*** Begin section ***

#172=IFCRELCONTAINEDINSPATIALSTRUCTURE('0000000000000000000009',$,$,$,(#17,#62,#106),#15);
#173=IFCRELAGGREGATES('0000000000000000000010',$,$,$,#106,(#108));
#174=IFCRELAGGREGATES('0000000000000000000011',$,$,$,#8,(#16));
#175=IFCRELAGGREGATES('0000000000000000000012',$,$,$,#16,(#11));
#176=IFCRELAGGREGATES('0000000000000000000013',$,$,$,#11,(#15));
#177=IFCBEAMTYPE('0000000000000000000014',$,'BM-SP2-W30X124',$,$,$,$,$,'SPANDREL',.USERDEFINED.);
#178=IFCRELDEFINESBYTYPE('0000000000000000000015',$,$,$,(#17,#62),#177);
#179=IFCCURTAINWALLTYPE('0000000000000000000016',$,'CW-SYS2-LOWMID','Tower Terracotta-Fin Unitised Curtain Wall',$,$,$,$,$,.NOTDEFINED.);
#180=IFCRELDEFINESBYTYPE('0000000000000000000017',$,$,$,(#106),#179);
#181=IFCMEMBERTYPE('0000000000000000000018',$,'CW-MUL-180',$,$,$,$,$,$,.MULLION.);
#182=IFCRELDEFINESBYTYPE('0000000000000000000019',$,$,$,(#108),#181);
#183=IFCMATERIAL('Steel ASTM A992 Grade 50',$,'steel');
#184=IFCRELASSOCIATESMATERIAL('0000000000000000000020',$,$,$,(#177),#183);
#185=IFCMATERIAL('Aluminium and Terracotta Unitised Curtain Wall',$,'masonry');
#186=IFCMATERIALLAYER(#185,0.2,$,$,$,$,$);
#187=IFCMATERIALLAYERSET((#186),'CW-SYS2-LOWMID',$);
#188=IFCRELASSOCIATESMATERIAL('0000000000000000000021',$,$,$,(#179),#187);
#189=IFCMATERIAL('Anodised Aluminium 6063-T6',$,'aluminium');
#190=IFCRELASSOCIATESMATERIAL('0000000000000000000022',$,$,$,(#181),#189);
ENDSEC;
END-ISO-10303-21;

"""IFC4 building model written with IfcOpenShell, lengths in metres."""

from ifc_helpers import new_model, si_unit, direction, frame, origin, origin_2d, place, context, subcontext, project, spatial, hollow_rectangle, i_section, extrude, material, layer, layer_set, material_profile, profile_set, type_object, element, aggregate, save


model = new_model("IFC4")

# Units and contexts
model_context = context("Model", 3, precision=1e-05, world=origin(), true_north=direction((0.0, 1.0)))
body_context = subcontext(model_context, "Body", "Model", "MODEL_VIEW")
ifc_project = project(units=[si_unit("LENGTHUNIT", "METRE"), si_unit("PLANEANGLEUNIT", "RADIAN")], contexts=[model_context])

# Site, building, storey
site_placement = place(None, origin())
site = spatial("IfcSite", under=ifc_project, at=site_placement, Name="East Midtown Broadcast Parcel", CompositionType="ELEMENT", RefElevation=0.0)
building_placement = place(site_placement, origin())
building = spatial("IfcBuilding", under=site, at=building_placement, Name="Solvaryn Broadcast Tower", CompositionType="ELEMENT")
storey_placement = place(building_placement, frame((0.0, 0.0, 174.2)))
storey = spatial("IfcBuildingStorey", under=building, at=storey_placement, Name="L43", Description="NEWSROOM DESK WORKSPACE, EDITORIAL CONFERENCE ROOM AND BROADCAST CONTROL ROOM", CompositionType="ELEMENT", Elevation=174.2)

*** End section ***
*** Begin section ***

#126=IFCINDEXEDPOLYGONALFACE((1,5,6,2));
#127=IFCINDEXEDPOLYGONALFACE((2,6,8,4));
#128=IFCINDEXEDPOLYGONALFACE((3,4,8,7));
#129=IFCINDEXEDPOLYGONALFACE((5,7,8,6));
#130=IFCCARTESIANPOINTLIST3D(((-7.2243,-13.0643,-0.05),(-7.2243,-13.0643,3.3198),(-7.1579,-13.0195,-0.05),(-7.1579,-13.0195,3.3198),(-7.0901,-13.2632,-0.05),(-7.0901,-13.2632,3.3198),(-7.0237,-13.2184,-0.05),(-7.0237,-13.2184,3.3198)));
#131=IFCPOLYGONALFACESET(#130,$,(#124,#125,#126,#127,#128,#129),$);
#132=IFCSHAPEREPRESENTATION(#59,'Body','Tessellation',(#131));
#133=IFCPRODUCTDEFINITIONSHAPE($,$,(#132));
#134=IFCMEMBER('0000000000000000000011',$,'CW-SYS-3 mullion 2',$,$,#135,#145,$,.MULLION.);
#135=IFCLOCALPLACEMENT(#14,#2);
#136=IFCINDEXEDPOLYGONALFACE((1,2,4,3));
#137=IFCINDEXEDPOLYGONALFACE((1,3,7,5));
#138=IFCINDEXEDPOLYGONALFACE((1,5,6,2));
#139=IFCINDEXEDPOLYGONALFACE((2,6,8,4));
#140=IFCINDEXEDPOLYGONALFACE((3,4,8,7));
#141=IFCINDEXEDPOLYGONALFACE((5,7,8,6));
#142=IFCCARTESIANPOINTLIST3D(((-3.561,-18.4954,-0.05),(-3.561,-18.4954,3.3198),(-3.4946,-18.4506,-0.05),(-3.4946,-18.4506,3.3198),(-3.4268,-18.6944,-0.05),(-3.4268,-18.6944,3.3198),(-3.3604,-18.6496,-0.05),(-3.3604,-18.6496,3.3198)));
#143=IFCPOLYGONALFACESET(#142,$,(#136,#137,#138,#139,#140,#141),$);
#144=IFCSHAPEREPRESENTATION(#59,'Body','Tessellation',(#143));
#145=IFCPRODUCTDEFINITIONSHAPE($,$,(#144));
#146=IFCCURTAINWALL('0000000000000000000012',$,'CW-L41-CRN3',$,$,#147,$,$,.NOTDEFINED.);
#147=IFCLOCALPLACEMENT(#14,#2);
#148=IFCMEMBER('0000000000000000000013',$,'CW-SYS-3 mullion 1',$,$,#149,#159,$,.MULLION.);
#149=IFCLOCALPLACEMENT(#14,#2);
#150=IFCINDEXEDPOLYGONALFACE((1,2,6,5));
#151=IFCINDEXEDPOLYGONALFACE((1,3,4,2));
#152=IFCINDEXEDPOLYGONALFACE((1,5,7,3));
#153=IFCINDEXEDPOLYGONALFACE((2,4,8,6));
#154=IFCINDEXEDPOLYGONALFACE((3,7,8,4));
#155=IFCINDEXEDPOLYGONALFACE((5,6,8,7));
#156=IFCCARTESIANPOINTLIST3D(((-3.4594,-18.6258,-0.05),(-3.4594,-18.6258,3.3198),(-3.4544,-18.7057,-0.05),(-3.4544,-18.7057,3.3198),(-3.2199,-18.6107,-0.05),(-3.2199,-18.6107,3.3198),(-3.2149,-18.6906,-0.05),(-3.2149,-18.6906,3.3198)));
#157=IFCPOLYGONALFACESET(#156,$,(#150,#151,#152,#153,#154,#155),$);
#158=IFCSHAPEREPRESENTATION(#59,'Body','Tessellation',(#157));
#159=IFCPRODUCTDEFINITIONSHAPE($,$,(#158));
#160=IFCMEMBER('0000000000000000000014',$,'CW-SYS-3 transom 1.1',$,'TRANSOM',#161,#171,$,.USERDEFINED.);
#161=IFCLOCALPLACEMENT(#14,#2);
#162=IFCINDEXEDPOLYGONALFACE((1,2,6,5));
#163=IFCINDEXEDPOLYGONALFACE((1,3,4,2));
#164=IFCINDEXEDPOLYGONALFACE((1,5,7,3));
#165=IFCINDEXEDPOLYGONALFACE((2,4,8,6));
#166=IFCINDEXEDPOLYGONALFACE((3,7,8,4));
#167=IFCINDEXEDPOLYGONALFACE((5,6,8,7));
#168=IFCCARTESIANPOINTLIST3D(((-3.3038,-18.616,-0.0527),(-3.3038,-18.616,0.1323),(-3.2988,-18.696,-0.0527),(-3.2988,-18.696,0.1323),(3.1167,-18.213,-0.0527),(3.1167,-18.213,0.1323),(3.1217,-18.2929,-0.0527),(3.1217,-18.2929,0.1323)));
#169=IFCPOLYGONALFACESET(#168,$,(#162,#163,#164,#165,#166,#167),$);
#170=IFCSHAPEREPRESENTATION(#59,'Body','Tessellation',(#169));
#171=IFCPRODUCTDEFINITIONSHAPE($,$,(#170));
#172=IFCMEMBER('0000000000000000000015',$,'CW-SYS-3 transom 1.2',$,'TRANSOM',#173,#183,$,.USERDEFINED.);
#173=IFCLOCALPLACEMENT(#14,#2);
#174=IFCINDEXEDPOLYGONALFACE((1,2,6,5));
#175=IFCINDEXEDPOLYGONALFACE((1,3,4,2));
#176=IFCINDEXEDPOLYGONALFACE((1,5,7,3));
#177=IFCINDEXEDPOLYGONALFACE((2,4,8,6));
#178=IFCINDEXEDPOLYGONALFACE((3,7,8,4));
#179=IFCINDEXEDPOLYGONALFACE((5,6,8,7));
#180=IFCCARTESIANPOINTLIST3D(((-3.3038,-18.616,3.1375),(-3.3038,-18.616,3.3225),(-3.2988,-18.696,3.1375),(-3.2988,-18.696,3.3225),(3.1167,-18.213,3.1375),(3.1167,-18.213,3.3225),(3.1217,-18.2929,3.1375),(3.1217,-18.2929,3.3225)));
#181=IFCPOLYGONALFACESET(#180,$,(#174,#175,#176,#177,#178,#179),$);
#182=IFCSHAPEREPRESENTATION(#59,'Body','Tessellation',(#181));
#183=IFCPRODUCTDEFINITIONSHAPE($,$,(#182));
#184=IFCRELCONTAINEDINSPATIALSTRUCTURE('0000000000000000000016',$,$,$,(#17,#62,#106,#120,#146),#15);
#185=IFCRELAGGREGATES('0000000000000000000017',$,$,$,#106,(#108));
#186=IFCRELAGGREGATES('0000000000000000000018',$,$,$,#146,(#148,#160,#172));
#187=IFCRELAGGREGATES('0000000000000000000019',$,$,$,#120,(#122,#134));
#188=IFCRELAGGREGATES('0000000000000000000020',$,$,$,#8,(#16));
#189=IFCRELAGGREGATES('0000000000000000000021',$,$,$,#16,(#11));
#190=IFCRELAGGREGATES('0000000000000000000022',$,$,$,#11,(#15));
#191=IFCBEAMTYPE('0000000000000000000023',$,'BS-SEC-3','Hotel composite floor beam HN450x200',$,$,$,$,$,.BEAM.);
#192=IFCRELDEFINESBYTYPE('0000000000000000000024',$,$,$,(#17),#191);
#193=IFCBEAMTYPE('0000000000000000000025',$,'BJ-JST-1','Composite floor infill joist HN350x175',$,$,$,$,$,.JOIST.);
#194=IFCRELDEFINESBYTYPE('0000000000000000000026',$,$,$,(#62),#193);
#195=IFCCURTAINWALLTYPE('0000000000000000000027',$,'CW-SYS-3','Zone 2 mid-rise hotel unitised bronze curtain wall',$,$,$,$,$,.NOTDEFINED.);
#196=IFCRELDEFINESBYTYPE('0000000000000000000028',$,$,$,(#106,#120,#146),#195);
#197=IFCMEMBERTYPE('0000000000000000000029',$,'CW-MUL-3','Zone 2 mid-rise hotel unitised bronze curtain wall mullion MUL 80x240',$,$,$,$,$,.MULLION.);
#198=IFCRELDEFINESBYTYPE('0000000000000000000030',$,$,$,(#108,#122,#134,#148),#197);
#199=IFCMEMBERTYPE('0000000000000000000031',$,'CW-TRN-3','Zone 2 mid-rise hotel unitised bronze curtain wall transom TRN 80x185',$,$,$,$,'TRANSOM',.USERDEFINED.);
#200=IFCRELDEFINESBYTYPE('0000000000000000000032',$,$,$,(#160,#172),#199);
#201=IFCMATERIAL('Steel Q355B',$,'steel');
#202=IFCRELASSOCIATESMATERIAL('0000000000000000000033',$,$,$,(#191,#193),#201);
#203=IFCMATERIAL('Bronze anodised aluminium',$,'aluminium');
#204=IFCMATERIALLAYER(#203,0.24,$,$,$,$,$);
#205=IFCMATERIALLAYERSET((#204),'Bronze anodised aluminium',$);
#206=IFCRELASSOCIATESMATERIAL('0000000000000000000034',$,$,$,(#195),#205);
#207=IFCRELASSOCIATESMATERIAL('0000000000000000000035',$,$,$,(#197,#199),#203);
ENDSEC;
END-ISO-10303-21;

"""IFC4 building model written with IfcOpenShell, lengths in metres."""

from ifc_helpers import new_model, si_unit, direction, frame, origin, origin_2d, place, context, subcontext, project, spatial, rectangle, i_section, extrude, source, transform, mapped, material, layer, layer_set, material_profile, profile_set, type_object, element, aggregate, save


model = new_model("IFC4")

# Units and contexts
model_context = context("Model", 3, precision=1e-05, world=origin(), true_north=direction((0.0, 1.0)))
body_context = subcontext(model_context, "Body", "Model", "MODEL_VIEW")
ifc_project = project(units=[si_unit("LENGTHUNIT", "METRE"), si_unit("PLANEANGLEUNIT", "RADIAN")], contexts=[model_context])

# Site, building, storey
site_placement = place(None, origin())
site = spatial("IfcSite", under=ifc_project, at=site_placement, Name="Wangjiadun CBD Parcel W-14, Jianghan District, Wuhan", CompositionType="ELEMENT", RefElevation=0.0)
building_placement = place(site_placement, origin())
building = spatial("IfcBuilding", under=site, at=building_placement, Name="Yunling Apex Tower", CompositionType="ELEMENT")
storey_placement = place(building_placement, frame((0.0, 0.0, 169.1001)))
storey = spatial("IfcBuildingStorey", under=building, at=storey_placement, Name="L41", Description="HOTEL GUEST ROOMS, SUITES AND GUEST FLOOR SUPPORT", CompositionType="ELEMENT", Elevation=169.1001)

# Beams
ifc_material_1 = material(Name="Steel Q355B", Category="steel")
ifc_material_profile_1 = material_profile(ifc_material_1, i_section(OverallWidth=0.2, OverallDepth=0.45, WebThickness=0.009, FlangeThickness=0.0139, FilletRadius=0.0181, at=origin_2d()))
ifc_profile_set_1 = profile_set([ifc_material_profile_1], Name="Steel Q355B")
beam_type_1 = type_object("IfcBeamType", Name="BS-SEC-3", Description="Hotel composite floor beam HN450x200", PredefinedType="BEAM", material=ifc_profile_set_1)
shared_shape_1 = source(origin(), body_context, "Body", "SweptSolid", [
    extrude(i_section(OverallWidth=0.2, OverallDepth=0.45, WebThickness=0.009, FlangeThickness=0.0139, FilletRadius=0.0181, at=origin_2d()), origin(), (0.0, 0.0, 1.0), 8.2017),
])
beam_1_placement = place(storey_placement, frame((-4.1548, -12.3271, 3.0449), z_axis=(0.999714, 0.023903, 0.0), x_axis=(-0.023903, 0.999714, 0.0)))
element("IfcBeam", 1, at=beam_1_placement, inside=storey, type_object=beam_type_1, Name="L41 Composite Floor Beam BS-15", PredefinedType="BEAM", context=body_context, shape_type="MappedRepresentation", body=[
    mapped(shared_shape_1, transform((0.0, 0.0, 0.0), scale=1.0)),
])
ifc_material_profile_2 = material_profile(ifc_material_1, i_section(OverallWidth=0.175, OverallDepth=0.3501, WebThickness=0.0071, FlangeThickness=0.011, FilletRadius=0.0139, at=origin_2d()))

*** End section ***

#### [ACTION ITEM]
Scan the data above and report each line in which "OverallWidth" is present.

#### [COMPLETED EXERCISE]
ifc_material_profile_1 = material_profile(ifc_material_1, i_section(OverallWidth=0.2, OverallDepth=0.45, WebThickness=0.009, FlangeThickness=0.0139, FilletRadius=0.0181, at=origin_2d()))
    extrude(i_section(OverallWidth=0.2, OverallDepth=0.45, WebThickness=0.009, FlangeThickness=0.0139, FilletRadius=0.0181, at=origin_2d()), origin(), (0.0, 0.0, 1.0), 8.2017),
ifc_material_profile_2 = material_profile(ifc_material_1, i_section(OverallWidth=0.175, OverallDepth=0.3501, WebThickness=0.0071, FlangeThickness=0.011, FilletRadius=0.0139, at=origin_2d()))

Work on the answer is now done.